Activity: Search the data for the string "IFCRELDEFINESBYTYPE", and report each line where it is found.
= = = = = = =
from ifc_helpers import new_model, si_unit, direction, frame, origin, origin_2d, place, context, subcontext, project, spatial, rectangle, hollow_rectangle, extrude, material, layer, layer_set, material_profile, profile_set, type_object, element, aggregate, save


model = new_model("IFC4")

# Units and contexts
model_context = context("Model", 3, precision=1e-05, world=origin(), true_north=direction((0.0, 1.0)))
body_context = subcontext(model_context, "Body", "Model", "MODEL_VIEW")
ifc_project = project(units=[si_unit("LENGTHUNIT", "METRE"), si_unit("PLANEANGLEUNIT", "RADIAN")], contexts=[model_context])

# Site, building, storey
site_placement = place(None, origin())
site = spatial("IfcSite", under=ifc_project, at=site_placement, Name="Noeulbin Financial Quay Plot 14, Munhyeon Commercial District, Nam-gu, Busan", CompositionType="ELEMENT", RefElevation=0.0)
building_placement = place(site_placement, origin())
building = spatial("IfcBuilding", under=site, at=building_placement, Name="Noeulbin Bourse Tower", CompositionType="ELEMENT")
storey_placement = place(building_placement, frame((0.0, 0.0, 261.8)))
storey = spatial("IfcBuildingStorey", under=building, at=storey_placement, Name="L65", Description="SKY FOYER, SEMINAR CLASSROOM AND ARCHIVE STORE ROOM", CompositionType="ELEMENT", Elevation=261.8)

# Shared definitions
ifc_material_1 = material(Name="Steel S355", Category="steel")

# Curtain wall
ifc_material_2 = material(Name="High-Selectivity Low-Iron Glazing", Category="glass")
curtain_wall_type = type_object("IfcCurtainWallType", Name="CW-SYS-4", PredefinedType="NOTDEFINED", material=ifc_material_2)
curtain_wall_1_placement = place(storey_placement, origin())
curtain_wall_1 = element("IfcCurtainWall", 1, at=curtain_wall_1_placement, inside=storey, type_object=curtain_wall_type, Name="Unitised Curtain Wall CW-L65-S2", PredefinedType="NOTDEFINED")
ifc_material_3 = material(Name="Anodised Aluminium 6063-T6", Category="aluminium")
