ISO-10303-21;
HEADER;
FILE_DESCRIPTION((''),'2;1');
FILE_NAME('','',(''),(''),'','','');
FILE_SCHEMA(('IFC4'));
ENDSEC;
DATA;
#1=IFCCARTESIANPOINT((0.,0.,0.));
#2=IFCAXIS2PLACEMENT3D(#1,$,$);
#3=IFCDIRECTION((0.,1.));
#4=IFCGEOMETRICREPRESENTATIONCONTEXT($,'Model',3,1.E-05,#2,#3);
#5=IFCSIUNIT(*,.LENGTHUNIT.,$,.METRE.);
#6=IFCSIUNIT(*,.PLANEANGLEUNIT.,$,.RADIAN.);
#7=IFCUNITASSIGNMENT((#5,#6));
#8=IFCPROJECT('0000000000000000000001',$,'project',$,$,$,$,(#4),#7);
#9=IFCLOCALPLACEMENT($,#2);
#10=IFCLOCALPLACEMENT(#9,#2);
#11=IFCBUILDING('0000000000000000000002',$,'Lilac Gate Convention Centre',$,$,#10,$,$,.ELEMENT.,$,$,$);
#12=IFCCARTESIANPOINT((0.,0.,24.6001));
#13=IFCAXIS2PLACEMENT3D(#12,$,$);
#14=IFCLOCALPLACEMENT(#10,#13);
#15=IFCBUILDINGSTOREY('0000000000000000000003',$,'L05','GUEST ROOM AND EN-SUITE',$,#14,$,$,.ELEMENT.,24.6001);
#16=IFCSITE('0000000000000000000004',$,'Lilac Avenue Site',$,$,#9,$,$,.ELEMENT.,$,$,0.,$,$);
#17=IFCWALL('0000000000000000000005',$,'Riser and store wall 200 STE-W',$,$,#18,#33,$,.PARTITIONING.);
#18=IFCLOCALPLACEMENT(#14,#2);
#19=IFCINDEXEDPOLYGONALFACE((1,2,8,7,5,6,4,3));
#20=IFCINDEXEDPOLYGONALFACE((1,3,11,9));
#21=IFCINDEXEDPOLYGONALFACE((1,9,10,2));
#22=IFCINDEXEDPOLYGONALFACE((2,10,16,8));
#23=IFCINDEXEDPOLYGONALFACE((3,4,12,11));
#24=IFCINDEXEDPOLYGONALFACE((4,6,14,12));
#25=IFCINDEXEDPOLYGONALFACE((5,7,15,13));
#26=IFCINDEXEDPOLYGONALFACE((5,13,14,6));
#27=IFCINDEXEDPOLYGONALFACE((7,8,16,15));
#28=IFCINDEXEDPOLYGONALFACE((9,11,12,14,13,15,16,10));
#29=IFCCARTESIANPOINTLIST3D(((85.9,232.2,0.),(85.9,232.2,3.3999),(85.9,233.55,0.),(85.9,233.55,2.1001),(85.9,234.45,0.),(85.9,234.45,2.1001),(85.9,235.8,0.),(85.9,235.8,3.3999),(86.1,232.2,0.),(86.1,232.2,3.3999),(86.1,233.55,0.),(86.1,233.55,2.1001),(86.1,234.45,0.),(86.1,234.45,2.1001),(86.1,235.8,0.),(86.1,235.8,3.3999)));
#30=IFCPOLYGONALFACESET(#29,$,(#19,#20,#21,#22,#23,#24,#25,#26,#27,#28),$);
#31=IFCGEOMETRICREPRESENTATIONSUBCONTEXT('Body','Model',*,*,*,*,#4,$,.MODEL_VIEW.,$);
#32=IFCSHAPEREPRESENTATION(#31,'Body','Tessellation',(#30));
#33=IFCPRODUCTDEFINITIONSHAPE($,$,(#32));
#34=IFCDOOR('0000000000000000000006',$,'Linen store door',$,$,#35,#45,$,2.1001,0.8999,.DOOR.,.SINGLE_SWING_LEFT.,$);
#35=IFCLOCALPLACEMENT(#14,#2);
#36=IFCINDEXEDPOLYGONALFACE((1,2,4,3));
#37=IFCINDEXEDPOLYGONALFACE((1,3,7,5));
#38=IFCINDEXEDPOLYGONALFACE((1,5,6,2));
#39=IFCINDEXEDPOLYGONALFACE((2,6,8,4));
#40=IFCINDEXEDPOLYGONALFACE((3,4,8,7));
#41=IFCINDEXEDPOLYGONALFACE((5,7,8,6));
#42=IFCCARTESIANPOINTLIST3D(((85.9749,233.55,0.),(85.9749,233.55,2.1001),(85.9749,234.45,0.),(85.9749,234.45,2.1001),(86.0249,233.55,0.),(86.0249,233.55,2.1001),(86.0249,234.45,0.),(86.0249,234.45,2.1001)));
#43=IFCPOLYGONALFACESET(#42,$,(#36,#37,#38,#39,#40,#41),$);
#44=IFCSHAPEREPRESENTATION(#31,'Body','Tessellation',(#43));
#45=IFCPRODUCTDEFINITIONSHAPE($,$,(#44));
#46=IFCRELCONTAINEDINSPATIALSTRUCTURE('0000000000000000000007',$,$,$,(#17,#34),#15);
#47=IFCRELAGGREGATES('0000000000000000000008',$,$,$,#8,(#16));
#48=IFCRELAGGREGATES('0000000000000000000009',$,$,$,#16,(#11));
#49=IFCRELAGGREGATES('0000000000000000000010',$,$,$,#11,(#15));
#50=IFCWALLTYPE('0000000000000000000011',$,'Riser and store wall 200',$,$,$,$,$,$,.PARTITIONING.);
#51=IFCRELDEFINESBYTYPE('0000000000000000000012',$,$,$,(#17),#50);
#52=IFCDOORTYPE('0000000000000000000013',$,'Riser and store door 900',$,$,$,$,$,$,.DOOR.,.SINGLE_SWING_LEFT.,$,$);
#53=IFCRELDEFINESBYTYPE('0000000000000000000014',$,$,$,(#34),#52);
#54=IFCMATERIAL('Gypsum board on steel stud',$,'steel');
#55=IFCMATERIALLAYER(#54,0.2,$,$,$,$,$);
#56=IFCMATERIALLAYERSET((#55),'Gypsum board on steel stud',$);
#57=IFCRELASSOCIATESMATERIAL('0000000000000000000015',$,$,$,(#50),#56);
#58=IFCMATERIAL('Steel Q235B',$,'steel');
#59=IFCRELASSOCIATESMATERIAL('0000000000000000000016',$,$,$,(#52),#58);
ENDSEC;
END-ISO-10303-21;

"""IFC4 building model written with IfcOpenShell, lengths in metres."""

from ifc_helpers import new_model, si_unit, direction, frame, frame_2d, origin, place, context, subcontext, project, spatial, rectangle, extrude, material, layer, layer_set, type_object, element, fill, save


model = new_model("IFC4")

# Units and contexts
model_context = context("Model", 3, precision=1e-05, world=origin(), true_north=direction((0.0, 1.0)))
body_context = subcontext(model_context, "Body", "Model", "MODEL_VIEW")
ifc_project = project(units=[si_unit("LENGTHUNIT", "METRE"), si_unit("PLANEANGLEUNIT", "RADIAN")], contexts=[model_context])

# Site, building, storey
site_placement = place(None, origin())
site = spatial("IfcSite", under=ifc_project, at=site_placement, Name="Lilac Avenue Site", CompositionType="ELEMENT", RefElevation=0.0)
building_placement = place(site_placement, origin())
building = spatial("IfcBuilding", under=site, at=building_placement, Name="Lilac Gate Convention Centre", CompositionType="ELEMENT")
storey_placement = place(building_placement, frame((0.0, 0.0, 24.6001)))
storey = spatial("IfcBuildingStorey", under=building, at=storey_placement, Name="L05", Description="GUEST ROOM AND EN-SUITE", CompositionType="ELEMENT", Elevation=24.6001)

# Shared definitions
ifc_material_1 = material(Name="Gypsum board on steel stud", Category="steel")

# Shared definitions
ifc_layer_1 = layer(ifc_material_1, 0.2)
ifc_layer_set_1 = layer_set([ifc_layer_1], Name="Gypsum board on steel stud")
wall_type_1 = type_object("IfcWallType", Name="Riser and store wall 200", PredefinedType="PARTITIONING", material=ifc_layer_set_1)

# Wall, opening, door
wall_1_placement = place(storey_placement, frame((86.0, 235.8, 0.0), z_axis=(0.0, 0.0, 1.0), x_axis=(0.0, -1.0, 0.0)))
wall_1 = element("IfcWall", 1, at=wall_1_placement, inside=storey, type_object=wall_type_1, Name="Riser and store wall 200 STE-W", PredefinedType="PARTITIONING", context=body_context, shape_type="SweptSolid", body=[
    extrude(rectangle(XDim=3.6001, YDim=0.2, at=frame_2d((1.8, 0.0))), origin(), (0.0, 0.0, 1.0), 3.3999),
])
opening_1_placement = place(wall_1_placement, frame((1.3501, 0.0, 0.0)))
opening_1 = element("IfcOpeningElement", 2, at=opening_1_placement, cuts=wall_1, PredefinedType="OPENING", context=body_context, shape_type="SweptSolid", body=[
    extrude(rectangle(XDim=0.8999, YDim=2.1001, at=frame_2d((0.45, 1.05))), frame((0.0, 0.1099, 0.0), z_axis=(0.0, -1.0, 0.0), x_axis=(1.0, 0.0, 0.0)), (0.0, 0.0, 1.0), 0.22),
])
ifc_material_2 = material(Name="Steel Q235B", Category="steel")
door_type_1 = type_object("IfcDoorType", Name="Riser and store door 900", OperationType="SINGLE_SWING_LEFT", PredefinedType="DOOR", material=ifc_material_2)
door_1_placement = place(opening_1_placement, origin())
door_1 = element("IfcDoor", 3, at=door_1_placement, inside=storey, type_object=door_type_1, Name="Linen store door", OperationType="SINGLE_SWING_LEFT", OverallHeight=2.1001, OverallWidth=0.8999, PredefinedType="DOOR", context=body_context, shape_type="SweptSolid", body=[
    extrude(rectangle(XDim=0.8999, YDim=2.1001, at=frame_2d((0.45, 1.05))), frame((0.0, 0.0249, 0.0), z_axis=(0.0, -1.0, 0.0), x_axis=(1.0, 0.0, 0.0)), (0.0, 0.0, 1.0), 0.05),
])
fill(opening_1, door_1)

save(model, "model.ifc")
= = = = = = =
Result of the task:
#51=IFCRELDEFINESBYTYPE('0000000000000000000012',$,$,$,(#17),#50);
#53=IFCRELDEFINESBYTYPE('0000000000000000000014',$,$,$,(#34),#52);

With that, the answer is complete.